RECORDS FOR THE EXERCISE >>

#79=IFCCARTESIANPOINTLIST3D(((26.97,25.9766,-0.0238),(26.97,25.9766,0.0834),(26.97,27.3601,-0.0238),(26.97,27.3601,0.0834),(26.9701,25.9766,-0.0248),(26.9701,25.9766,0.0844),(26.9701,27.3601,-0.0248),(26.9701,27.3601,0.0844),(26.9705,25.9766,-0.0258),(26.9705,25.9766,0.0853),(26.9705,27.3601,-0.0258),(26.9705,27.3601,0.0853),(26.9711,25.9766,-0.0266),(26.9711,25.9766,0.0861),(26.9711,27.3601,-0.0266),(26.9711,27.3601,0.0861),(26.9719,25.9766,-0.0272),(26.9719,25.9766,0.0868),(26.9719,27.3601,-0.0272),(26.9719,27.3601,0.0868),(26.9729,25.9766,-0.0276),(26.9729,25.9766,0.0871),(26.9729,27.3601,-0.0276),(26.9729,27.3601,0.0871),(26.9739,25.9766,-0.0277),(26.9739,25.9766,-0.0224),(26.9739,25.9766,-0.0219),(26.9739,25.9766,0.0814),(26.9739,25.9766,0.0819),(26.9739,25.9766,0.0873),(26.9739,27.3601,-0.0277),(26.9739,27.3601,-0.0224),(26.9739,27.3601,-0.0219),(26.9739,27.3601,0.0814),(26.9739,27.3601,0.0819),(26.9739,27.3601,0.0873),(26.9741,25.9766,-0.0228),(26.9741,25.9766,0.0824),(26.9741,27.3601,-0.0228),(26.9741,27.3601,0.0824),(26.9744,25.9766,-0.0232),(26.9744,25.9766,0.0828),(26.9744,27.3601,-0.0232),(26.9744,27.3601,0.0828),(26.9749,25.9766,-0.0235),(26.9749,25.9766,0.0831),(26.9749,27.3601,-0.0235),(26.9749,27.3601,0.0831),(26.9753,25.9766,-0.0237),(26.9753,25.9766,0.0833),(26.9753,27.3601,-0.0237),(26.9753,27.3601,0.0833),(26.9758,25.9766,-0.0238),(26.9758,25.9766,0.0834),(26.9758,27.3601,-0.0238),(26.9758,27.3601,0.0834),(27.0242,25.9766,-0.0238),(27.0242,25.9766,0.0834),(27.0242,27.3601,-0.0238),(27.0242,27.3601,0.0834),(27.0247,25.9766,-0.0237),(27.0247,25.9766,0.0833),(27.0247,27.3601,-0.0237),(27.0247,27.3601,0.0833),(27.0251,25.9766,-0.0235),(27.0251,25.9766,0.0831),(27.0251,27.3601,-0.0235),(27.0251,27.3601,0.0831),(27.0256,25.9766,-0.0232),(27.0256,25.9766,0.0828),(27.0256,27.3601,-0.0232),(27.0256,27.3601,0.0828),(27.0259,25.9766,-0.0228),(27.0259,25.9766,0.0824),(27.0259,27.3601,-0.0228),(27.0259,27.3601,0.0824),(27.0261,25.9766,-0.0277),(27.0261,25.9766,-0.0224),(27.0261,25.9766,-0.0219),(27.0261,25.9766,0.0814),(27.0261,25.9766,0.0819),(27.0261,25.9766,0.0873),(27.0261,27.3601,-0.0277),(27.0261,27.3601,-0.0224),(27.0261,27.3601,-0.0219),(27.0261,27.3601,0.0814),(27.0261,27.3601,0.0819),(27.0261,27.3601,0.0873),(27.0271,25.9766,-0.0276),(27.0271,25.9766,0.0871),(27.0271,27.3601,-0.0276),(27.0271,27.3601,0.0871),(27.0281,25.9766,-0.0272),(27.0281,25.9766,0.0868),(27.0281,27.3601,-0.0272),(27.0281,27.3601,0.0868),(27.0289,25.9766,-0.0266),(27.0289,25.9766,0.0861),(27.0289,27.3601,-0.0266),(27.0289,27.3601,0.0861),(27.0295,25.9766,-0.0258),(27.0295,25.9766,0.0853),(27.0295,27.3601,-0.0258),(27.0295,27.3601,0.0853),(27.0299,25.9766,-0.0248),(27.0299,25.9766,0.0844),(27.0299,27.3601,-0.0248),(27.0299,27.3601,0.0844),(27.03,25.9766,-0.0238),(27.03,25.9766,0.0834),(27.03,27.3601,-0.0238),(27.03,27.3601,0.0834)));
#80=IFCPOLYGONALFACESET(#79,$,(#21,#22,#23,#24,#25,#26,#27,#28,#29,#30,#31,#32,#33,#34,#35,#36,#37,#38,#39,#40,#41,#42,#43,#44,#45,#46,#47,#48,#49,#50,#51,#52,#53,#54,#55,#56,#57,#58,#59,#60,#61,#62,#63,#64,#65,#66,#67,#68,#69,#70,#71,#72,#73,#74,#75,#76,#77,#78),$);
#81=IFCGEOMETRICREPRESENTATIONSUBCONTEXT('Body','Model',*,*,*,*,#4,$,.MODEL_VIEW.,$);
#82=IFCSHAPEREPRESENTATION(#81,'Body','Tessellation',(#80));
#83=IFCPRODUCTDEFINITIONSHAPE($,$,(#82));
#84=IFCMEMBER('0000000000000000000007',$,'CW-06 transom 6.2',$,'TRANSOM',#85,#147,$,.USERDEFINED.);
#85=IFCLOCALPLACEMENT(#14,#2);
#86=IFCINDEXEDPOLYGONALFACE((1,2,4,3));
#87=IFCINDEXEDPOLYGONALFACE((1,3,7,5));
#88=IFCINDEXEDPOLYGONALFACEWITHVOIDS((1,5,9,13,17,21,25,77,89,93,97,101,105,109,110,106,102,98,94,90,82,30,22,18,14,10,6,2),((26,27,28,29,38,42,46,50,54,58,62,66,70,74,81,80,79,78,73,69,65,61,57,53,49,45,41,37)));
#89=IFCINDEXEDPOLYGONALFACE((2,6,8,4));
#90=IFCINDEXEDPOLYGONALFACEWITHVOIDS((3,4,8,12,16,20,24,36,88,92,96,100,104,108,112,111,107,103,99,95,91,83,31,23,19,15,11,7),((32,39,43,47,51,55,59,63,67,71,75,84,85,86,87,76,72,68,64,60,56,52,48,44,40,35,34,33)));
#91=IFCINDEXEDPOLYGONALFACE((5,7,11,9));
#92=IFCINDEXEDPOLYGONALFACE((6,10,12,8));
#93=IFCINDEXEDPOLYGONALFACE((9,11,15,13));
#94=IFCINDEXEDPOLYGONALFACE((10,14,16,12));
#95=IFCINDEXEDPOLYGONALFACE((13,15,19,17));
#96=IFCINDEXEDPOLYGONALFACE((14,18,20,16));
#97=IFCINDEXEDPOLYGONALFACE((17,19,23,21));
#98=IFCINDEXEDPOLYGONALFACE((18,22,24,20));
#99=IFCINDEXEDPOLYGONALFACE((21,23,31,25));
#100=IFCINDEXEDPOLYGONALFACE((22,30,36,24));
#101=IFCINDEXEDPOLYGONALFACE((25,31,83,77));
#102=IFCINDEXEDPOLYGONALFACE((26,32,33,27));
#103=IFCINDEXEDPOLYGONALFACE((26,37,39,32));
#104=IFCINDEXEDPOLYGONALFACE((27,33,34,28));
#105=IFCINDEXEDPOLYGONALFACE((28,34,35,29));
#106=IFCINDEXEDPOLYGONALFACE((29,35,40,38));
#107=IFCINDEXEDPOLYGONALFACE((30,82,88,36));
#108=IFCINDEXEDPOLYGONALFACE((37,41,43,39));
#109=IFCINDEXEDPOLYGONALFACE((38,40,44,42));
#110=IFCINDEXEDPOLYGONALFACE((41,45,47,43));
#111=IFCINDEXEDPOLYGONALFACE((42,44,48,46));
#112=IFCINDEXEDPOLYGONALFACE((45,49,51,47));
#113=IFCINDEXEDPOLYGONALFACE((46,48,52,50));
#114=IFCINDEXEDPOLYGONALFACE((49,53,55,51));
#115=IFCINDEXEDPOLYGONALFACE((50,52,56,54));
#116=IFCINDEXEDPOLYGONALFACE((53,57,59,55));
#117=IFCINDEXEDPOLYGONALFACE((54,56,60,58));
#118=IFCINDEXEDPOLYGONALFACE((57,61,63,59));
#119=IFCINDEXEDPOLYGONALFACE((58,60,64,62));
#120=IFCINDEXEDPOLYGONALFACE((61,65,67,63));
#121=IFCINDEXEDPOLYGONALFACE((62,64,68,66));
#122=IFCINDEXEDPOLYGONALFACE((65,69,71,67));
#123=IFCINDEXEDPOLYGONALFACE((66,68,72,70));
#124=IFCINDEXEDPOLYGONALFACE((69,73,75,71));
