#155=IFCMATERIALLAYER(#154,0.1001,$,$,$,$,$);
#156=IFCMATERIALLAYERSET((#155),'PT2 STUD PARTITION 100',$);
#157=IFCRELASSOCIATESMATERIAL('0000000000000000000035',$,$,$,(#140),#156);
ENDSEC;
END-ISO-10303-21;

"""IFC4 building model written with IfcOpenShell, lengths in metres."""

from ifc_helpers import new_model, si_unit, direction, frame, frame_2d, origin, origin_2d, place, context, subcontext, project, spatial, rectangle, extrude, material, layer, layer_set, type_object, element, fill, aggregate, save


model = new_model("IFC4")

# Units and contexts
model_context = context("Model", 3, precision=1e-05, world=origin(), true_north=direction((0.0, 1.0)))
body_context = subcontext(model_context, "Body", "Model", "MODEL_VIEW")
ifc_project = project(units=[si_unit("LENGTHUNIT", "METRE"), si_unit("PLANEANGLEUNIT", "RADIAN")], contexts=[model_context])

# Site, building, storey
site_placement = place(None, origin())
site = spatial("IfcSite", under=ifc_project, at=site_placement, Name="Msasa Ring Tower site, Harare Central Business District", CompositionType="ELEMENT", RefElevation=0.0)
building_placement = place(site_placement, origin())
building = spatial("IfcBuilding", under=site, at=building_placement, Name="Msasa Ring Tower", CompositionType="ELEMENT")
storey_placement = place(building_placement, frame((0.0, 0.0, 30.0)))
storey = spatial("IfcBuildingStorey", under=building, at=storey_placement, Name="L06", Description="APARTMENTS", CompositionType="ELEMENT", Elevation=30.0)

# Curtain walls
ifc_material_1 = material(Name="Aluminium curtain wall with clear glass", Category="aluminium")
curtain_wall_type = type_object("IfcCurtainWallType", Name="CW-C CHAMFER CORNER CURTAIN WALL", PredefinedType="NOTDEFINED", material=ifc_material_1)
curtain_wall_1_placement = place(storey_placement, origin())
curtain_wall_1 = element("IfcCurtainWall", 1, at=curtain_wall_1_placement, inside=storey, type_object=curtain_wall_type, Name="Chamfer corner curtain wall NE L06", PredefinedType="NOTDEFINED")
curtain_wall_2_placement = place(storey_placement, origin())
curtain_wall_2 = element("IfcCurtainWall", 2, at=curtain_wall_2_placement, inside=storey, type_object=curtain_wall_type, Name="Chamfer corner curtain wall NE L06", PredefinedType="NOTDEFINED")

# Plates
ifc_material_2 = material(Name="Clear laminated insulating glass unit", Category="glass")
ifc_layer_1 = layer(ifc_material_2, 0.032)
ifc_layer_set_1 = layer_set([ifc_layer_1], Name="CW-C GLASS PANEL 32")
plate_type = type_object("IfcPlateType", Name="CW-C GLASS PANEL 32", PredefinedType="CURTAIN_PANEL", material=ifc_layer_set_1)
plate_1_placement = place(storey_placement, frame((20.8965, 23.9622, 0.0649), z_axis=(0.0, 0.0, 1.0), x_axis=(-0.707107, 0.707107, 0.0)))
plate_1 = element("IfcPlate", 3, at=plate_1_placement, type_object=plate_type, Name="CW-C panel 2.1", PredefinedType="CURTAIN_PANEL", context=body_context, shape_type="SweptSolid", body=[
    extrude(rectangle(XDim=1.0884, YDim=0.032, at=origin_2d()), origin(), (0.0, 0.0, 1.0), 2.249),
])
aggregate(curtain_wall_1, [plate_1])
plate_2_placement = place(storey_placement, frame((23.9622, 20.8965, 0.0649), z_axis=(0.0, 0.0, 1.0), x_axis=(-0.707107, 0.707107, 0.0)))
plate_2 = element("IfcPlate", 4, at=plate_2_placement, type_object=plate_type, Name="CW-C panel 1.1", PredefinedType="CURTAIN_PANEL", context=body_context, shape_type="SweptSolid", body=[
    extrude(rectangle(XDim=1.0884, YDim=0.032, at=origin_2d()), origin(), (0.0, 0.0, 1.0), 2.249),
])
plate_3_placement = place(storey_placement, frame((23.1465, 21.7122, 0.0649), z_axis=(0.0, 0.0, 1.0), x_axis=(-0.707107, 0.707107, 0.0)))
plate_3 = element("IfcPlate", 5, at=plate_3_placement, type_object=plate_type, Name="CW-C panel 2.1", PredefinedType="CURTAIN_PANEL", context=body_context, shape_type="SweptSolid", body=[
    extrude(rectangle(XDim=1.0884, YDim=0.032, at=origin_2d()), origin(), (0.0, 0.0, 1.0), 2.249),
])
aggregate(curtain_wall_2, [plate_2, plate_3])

REQUIRED ACTION >> Reproduce exactly, and with no other material, the lines between those holding "#93=IFCINDEXEDPOLYGONALFACE((9,11,15,13));" and "#113=IFCINDEXEDPOLYGONALFACE((46,48,52,50));", inclusive.

ANSWER >>
#93=IFCINDEXEDPOLYGONALFACE((9,11,15,13));
#94=IFCINDEXEDPOLYGONALFACE((10,14,16,12));
#95=IFCINDEXEDPOLYGONALFACE((13,15,19,17));
#96=IFCINDEXEDPOLYGONALFACE((14,18,20,16));
#97=IFCINDEXEDPOLYGONALFACE((17,19,23,21));
#98=IFCINDEXEDPOLYGONALFACE((18,22,24,20));
#99=IFCINDEXEDPOLYGONALFACE((21,23,31,25));
#100=IFCINDEXEDPOLYGONALFACE((22,30,36,24));
#101=IFCINDEXEDPOLYGONALFACE((25,31,83,77));
#102=IFCINDEXEDPOLYGONALFACE((26,32,33,27));
#103=IFCINDEXEDPOLYGONALFACE((26,37,39,32));
#104=IFCINDEXEDPOLYGONALFACE((27,33,34,28));
#105=IFCINDEXEDPOLYGONALFACE((28,34,35,29));
#106=IFCINDEXEDPOLYGONALFACE((29,35,40,38));
#107=IFCINDEXEDPOLYGONALFACE((30,82,88,36));
#108=IFCINDEXEDPOLYGONALFACE((37,41,43,39));
#109=IFCINDEXEDPOLYGONALFACE((38,40,44,42));
#110=IFCINDEXEDPOLYGONALFACE((41,45,47,43));
#111=IFCINDEXEDPOLYGONALFACE((42,44,48,46));
#112=IFCINDEXEDPOLYGONALFACE((45,49,51,47));
#113=IFCINDEXEDPOLYGONALFACE((46,48,52,50));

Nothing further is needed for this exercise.